• [Exercise details] The entries below contain a line with "#160=IFCINDEXEDPOLYGONALFACE((37,41,42,38));" and a line with "#161=IFCINDEXEDPOLYGONALFACE((39,40,42,41));". Retype exactly everything from the first down to the second, both included, and nothing else.

• [Data to process]

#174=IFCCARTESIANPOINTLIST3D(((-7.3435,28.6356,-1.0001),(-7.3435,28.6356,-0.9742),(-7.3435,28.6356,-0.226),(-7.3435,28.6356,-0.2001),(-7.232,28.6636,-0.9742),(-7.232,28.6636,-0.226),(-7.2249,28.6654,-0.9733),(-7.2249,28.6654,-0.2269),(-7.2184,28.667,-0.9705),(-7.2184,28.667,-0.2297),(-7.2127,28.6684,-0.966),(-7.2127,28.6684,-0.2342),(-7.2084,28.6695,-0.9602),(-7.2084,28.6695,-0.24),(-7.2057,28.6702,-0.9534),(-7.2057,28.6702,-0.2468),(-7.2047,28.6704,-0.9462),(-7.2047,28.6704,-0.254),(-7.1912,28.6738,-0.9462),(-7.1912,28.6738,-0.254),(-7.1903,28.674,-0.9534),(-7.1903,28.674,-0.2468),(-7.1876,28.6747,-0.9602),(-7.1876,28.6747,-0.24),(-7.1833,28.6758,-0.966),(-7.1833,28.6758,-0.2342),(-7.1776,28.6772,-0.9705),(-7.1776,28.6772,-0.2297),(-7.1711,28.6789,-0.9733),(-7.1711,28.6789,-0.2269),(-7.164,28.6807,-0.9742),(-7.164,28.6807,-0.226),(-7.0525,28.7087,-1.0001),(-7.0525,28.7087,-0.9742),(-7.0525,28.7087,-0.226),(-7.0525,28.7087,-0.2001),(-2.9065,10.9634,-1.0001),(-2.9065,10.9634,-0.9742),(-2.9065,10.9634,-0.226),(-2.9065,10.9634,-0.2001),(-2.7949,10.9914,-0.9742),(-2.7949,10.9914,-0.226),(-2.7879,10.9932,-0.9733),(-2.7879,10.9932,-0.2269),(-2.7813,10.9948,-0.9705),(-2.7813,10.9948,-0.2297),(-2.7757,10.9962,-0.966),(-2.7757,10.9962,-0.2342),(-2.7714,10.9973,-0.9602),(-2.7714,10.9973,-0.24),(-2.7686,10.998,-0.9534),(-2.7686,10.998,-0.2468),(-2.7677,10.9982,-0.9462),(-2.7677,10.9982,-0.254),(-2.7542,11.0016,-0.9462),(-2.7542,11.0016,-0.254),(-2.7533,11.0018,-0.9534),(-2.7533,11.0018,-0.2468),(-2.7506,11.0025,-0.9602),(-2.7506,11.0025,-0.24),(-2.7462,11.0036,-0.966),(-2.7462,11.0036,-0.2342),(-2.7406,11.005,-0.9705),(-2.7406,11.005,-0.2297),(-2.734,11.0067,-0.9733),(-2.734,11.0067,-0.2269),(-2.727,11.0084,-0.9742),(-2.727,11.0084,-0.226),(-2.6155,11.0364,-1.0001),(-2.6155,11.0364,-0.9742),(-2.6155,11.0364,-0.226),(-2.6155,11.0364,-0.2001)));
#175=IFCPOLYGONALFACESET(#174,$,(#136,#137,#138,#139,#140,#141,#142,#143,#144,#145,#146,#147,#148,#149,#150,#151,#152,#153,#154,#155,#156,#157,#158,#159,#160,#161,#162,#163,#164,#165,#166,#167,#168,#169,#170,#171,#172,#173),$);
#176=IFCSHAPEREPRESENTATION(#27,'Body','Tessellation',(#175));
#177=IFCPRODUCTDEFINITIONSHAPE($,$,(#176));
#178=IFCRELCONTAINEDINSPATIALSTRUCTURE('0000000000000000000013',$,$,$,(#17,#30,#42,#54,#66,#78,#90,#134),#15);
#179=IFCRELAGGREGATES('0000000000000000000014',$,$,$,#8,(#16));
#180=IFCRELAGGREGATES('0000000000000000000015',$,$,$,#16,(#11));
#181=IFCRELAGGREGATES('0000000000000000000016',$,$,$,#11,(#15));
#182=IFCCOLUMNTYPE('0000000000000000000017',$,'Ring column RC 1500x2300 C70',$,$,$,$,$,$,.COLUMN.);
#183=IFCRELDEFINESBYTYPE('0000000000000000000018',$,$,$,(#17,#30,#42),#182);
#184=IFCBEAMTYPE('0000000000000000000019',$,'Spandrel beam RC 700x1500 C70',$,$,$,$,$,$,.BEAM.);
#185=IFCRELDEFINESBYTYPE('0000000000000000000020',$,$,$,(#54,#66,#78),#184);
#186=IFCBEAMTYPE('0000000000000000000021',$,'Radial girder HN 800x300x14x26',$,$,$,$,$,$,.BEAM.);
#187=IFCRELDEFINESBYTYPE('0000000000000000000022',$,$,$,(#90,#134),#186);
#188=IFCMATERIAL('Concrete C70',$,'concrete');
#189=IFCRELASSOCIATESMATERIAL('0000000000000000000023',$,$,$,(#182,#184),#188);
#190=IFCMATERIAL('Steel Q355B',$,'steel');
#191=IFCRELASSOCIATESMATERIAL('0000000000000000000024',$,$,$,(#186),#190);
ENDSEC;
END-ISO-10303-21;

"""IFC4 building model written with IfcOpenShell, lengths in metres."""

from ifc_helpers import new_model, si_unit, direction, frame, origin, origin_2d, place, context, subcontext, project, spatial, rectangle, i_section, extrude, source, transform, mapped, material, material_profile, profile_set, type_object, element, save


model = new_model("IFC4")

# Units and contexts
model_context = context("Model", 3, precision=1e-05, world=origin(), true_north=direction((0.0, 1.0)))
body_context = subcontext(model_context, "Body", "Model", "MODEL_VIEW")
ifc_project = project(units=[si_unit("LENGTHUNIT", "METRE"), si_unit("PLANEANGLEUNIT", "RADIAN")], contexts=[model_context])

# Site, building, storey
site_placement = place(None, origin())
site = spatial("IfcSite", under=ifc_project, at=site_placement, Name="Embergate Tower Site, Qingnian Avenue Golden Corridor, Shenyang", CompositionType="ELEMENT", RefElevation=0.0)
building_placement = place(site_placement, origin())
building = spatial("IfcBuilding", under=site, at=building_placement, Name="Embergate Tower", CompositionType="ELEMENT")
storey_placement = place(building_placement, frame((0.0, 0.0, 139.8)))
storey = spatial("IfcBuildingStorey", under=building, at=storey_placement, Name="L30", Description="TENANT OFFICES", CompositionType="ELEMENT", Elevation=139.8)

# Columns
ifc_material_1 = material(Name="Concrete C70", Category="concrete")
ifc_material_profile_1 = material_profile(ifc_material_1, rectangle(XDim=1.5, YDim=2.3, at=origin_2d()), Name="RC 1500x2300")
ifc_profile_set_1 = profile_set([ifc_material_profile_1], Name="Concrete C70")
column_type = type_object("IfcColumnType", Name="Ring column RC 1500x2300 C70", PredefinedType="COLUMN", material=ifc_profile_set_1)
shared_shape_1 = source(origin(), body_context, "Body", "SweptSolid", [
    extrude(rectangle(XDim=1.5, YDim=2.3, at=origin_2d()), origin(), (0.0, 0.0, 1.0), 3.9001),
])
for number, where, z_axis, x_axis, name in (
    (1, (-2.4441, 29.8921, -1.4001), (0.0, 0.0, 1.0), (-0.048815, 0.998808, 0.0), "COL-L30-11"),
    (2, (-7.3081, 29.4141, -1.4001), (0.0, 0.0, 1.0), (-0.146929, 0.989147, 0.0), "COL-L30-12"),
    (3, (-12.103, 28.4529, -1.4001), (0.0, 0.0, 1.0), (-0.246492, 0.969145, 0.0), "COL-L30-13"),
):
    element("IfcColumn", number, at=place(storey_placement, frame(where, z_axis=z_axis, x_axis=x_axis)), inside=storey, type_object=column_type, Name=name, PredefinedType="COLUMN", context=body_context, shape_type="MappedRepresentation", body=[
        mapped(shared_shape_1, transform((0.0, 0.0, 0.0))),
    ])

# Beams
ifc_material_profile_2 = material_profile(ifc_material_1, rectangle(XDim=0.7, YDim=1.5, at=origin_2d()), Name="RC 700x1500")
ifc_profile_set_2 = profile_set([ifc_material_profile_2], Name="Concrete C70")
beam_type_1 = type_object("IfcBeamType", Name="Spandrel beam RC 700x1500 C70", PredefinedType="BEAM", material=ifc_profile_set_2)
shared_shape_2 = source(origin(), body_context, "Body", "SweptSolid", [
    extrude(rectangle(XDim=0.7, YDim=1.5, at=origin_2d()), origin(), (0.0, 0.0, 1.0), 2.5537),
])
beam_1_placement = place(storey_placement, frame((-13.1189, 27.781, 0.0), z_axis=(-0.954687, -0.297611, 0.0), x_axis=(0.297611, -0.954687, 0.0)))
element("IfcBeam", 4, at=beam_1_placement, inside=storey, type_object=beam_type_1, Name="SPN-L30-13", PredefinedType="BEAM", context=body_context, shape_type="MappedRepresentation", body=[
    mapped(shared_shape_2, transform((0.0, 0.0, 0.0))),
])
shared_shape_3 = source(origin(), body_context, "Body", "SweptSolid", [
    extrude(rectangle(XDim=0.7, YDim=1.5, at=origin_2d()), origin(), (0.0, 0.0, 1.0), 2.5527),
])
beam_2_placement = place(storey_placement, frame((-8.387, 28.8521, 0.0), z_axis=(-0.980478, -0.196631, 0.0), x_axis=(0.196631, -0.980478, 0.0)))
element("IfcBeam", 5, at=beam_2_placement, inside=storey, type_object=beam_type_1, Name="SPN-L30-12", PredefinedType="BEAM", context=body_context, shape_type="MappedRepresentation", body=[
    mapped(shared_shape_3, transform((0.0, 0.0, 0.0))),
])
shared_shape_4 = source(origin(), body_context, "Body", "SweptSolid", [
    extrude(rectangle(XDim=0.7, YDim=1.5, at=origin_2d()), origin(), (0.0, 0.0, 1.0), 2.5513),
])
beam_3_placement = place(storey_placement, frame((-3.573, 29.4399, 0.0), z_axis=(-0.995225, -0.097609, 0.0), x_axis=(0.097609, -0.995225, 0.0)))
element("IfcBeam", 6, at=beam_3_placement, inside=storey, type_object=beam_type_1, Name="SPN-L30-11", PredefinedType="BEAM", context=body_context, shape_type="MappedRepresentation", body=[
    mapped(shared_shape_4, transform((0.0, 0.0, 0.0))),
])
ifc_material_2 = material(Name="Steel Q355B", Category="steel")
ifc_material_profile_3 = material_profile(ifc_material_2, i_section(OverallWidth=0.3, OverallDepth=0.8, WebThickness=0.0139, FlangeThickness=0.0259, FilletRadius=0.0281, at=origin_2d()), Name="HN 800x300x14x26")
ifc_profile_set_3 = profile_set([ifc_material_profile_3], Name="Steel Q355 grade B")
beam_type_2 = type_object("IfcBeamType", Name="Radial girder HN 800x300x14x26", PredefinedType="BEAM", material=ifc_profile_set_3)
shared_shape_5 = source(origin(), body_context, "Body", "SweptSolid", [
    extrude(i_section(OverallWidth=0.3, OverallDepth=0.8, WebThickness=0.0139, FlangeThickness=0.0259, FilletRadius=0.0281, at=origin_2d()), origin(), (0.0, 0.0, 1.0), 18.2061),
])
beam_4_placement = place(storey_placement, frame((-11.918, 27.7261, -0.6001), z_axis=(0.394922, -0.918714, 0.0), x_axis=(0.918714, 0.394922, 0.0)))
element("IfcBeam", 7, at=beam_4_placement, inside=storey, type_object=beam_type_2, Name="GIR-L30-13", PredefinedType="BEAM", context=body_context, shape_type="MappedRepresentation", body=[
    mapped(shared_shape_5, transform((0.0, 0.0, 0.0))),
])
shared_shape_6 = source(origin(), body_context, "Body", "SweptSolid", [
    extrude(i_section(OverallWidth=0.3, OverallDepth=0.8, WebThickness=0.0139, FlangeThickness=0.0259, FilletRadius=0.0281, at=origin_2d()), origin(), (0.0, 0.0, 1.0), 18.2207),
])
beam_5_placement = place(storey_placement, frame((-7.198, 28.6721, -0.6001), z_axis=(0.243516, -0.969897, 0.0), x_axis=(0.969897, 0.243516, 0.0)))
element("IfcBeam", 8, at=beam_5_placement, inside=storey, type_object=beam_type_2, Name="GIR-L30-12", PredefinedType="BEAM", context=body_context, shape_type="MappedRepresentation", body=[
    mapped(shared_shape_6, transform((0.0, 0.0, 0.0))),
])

---

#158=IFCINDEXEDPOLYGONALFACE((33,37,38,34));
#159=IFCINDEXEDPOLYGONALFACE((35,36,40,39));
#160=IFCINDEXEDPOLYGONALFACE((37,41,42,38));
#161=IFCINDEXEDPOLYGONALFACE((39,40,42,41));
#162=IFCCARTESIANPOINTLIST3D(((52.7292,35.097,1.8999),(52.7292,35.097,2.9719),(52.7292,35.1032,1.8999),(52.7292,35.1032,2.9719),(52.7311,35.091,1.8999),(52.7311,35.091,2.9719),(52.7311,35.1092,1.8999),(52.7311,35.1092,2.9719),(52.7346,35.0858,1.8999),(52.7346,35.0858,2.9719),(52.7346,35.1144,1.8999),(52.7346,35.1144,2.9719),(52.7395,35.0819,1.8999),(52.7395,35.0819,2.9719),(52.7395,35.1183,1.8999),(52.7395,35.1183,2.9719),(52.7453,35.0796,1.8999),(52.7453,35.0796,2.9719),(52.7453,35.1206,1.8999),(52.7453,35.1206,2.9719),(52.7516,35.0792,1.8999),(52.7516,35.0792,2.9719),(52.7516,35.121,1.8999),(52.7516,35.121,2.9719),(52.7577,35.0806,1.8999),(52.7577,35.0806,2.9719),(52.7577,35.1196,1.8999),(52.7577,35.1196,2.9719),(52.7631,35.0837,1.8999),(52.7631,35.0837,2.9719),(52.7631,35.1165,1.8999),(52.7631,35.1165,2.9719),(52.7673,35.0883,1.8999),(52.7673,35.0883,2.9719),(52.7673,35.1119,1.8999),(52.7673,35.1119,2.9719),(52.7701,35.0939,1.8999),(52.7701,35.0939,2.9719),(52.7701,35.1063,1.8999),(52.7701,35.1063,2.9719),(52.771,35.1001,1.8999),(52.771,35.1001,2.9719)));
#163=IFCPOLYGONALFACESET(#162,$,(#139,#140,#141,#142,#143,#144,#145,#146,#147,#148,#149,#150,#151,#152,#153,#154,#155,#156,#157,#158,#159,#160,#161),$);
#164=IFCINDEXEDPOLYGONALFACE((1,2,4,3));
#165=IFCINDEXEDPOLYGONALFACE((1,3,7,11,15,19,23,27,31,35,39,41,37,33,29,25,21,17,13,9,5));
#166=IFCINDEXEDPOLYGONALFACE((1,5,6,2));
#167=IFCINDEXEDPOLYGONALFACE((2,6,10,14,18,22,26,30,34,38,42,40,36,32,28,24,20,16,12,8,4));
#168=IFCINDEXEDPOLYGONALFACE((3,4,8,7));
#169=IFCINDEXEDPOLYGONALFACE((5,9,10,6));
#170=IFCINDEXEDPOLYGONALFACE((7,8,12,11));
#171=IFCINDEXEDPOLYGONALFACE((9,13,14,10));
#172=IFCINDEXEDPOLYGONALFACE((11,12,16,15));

• [Response to the task]
#160=IFCINDEXEDPOLYGONALFACE((37,41,42,38));
#161=IFCINDEXEDPOLYGONALFACE((39,40,42,41));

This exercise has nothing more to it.